#### REQUIRED ACTION
State how many lines of the entries hold the string "diagonal", and output nothing but that count.

#### EXERCISE DATA

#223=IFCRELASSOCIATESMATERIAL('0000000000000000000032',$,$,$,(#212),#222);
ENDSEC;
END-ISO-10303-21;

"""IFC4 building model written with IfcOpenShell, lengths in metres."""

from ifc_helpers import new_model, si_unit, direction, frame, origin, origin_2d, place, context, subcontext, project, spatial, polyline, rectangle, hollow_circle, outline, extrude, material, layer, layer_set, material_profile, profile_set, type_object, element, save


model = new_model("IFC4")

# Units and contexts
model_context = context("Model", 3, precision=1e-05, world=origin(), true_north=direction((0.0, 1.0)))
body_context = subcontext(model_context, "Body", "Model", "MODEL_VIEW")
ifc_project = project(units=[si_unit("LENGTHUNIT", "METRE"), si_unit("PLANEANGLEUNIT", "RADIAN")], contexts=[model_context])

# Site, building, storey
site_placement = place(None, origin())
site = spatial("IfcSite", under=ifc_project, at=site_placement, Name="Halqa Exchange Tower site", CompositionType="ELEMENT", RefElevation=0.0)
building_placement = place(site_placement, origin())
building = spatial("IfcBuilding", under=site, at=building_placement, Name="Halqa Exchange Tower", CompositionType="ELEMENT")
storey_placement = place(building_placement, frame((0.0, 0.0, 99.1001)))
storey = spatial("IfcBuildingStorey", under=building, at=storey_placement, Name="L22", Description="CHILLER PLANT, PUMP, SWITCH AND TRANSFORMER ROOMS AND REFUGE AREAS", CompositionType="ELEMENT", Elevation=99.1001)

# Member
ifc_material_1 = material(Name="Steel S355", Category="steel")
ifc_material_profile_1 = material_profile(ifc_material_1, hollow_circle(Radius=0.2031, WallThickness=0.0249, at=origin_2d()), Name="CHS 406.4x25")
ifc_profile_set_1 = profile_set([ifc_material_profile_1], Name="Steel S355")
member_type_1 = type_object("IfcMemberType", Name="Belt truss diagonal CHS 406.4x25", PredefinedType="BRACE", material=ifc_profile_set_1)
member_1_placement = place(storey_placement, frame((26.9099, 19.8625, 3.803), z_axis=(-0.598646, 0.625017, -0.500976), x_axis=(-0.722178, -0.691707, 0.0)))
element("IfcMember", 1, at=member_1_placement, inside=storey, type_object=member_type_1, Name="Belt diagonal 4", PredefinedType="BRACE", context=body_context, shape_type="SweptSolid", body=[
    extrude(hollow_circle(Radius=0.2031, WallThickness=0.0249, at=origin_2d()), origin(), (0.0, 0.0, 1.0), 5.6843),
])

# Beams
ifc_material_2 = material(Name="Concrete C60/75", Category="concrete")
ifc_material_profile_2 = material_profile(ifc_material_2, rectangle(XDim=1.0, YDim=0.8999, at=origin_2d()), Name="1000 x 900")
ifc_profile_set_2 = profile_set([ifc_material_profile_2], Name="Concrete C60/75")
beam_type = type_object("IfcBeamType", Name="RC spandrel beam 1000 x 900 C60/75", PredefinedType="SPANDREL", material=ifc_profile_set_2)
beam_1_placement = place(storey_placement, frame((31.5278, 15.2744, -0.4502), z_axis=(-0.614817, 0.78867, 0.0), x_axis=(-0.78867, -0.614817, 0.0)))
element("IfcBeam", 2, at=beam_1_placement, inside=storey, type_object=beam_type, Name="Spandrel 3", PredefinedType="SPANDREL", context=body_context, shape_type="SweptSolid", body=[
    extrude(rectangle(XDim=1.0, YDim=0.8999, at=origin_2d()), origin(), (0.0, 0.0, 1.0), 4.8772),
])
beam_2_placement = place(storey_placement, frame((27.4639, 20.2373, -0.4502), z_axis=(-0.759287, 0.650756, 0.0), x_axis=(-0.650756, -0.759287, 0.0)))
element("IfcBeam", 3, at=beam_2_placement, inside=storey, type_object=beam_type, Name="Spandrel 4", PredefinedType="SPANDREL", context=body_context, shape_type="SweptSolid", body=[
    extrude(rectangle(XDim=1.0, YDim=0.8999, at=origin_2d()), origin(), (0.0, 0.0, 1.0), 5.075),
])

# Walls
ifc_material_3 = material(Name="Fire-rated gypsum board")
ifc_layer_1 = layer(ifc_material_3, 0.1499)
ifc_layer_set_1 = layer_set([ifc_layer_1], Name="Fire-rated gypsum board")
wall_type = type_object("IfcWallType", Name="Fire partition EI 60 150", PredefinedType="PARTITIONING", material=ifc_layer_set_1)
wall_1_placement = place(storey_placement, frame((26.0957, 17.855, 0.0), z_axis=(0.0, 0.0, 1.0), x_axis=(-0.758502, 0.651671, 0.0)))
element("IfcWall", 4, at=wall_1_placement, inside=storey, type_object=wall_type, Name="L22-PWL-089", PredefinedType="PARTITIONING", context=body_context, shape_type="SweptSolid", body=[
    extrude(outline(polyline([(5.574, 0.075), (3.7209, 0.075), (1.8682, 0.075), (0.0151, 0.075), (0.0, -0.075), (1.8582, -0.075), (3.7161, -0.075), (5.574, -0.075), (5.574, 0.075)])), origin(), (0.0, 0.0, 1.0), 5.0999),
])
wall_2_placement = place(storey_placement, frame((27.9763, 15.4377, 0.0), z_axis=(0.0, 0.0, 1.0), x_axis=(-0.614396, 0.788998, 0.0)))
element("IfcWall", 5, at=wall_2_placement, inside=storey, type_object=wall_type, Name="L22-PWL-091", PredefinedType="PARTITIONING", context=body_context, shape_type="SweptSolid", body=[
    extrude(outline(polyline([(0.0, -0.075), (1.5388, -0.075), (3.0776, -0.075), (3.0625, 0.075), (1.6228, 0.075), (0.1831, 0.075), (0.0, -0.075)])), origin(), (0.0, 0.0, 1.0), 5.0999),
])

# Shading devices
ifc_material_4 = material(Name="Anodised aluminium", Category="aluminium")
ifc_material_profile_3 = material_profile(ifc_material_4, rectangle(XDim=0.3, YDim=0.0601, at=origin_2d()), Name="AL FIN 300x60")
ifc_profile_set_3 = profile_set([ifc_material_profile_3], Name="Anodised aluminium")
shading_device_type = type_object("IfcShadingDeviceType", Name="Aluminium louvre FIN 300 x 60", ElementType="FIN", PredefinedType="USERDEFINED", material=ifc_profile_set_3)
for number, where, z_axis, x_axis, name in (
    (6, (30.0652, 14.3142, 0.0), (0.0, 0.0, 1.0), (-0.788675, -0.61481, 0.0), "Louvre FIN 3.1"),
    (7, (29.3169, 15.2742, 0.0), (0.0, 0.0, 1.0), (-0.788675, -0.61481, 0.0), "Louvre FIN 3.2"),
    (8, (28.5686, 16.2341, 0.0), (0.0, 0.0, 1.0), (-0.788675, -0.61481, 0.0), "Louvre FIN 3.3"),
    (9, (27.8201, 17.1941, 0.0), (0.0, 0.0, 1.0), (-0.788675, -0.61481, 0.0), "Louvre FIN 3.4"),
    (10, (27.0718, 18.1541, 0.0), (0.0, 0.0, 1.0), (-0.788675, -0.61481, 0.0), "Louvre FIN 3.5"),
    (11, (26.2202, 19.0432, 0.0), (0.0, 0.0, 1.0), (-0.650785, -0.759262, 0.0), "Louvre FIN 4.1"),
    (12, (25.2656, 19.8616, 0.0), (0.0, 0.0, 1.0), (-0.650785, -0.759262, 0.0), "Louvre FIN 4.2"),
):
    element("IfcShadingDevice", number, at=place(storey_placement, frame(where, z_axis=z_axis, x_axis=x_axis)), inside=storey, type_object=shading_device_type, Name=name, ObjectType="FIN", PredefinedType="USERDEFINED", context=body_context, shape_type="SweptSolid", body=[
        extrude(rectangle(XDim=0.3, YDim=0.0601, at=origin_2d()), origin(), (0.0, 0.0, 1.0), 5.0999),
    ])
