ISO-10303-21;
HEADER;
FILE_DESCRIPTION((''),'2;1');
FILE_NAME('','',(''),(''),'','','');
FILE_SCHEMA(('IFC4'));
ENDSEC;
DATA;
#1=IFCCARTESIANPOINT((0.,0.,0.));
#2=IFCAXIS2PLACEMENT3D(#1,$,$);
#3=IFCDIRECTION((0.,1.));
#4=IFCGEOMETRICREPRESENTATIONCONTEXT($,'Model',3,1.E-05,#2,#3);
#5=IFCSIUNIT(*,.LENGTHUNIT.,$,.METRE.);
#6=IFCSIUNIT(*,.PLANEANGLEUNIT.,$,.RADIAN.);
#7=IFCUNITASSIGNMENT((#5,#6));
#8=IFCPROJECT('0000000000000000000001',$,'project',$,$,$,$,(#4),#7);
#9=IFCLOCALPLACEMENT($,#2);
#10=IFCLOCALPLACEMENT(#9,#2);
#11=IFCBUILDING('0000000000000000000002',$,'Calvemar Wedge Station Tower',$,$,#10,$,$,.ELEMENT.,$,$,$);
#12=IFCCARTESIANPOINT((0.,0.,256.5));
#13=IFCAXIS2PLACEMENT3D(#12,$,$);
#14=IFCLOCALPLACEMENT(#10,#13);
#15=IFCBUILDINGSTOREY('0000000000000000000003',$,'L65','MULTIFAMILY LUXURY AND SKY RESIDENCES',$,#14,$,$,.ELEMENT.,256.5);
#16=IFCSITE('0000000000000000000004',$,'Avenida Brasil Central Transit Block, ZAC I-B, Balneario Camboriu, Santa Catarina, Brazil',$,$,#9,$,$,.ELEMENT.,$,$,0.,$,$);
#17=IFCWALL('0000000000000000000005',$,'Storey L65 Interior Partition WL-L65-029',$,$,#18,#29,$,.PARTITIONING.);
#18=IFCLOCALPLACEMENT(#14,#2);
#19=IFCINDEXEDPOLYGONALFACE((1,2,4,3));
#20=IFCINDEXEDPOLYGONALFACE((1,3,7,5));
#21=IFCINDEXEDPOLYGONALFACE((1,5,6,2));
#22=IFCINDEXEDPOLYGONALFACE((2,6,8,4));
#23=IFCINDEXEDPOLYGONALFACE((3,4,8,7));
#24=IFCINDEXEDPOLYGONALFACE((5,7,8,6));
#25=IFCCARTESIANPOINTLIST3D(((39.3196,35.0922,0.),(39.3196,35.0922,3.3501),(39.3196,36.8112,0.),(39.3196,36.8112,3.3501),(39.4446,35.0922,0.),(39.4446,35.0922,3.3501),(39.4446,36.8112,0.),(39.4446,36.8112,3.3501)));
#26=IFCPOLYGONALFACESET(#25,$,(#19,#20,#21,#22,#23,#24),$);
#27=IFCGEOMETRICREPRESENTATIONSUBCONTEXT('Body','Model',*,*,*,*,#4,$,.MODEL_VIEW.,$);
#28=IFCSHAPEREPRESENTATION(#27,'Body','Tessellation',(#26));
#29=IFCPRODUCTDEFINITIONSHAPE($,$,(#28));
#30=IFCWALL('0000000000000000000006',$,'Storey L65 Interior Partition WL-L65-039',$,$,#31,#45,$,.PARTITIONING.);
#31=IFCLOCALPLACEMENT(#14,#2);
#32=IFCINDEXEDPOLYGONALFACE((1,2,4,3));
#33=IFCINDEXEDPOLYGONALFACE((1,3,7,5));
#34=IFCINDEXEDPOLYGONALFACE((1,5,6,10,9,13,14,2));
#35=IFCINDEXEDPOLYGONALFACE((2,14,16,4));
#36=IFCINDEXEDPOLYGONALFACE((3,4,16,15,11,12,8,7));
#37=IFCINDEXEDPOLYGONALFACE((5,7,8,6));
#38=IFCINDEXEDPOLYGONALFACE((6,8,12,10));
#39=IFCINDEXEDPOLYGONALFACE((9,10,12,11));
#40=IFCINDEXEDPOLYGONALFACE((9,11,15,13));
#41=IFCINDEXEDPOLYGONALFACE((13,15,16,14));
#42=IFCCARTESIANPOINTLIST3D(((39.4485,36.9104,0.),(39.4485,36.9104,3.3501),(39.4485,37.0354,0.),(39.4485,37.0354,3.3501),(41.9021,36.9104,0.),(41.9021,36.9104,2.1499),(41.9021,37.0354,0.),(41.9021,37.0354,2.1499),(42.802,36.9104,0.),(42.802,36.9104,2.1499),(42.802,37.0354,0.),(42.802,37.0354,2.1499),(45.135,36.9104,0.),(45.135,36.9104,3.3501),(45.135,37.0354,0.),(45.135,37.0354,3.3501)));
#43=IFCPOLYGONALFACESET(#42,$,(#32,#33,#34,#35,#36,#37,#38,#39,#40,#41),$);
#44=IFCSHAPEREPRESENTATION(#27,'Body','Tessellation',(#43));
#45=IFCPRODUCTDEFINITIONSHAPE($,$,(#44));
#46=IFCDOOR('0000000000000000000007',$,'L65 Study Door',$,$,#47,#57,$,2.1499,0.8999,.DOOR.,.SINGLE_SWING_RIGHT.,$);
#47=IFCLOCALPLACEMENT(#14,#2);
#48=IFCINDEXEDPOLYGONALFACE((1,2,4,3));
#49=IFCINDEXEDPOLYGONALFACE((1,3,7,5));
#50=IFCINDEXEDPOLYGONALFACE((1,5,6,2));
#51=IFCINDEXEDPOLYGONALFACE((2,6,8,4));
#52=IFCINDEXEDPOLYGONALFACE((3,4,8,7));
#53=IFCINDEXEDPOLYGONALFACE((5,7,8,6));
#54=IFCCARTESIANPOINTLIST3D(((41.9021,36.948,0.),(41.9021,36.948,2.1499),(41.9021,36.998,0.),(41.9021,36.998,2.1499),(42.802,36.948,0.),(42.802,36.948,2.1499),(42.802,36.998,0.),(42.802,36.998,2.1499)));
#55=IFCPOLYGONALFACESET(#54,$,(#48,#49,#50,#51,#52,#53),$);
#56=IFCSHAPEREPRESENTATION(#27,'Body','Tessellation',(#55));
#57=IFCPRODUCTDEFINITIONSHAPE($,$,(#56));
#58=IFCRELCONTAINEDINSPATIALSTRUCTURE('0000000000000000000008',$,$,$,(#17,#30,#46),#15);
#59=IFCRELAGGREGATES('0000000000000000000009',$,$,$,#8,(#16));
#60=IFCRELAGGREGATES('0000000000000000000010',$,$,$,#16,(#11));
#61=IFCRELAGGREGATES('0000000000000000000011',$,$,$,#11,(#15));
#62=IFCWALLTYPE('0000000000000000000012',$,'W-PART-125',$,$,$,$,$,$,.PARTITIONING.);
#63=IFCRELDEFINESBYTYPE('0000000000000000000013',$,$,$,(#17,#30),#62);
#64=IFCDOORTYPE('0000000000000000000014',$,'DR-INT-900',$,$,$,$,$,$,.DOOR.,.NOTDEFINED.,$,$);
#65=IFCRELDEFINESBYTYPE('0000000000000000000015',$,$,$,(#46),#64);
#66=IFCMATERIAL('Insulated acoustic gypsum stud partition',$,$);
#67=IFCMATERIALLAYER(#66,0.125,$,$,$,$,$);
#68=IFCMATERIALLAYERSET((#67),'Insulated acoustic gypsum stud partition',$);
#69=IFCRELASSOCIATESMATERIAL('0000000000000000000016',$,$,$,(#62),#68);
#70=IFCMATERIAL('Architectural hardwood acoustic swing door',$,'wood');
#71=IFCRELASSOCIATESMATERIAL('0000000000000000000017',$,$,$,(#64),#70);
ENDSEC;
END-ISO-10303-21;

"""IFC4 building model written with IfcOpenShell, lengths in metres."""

from ifc_helpers import new_model, si_unit, direction, frame, frame_2d, origin, place, context, subcontext, project, spatial, rectangle, extrude, source, transform, mapped, material, layer, layer_set, type_object, element, fill, save


model = new_model("IFC4")

# Units and contexts
model_context = context("Model", 3, precision=1e-05, world=origin(), true_north=direction((0.0, 1.0)))
body_context = subcontext(model_context, "Body", "Model", "MODEL_VIEW")
ifc_project = project(units=[si_unit("LENGTHUNIT", "METRE"), si_unit("PLANEANGLEUNIT", "RADIAN")], contexts=[model_context])

# Site, building, storey
site_placement = place(None, origin())
site = spatial("IfcSite", under=ifc_project, at=site_placement, Name="Avenida Brasil Central Transit Block, ZAC I-B, Balneario Camboriu, Santa Catarina, Brazil", CompositionType="ELEMENT", RefElevation=0.0)
building_placement = place(site_placement, origin())
building = spatial("IfcBuilding", under=site, at=building_placement, Name="Calvemar Wedge Station Tower", CompositionType="ELEMENT")
storey_placement = place(building_placement, frame((0.0, 0.0, 256.5)))
storey = spatial("IfcBuildingStorey", under=building, at=storey_placement, Name="L65", Description="MULTIFAMILY LUXURY AND SKY RESIDENCES", CompositionType="ELEMENT", Elevation=256.5)

# Wall
ifc_material_1 = material(Name="Insulated acoustic gypsum stud partition")
ifc_layer_1 = layer(ifc_material_1, 0.125)
ifc_layer_set_1 = layer_set([ifc_layer_1], Name="Insulated acoustic gypsum stud partition")
wall_type_1 = type_object("IfcWallType", Name="W-PART-125", PredefinedType="PARTITIONING", material=ifc_layer_set_1)
wall_1_placement = place(storey_placement, frame((39.3821, 36.811, 0.0), z_axis=(0.0, 0.0, 1.0), x_axis=(0.0, -1.0, 0.0)))
element("IfcWall", 1, at=wall_1_placement, inside=storey, type_object=wall_type_1, Name="Storey L65 Interior Partition WL-L65-029", PredefinedType="PARTITIONING", context=body_context, shape_type="SweptSolid", body=[
    extrude(rectangle(XDim=1.719, YDim=0.125, at=frame_2d((0.8594, 0.0))), origin(), (0.0, 0.0, 1.0), 3.3501),
])

# Wall, opening, door
wall_2_placement = place(storey_placement, frame((45.135, 36.9729, 0.0), z_axis=(0.0, 0.0, 1.0), x_axis=(-1.0, 0.0, 0.0)))
wall_2 = element("IfcWall", 2, at=wall_2_placement, inside=storey, type_object=wall_type_1, Name="Storey L65 Interior Partition WL-L65-039", PredefinedType="PARTITIONING", context=body_context, shape_type="SweptSolid", body=[
    extrude(rectangle(XDim=5.6865, YDim=0.125, at=frame_2d((2.8433, 0.0))), origin(), (0.0, 0.0, 1.0), 3.3501),
])
shared_shape_1 = source(origin(), body_context, "Body", "SweptSolid", [
    extrude(rectangle(XDim=0.8999, YDim=2.1499, at=frame_2d((0.45, 1.075))), frame((0.0, 0.0725, 0.0), z_axis=(0.0, -1.0, 0.0), x_axis=(1.0, 0.0, 0.0)), (0.0, 0.0, 1.0), 0.145),
])
opening_1_placement = place(wall_2_placement, frame((2.333, 0.0, 0.0)))
opening_1 = element("IfcOpeningElement", 3, at=opening_1_placement, cuts=wall_2, PredefinedType="OPENING", context=body_context, shape_type="MappedRepresentation", body=[
    mapped(shared_shape_1, transform((0.0, 0.0, 0.0), scale=1.0)),
])
ifc_material_2 = material(Name="Architectural hardwood acoustic swing door", Category="wood")
door_type_1 = type_object("IfcDoorType", Name="DR-INT-900", OperationType="NOTDEFINED", PredefinedType="DOOR", material=ifc_material_2)
shared_shape_2 = source(origin(), body_context, "Body", "SweptSolid", [
    extrude(rectangle(XDim=0.8999, YDim=2.1499, at=frame_2d((0.45, 1.075))), frame((0.0, 0.0249, 0.0), z_axis=(0.0, -1.0, 0.0), x_axis=(1.0, 0.0, 0.0)), (0.0, 0.0, 1.0), 0.05),
])
door_1_placement = place(opening_1_placement, origin())
door_1 = element("IfcDoor", 4, at=door_1_placement, inside=storey, type_object=door_type_1, Name="L65 Study Door", OperationType="SINGLE_SWING_RIGHT", OverallHeight=2.1499, OverallWidth=0.8999, PredefinedType="DOOR", context=body_context, shape_type="MappedRepresentation", body=[
    mapped(shared_shape_2, transform((0.0, 0.0, 0.0), scale=1.0)),
])
fill(opening_1, door_1)

save(model, "model.ifc")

#### TASK OUTPUT
2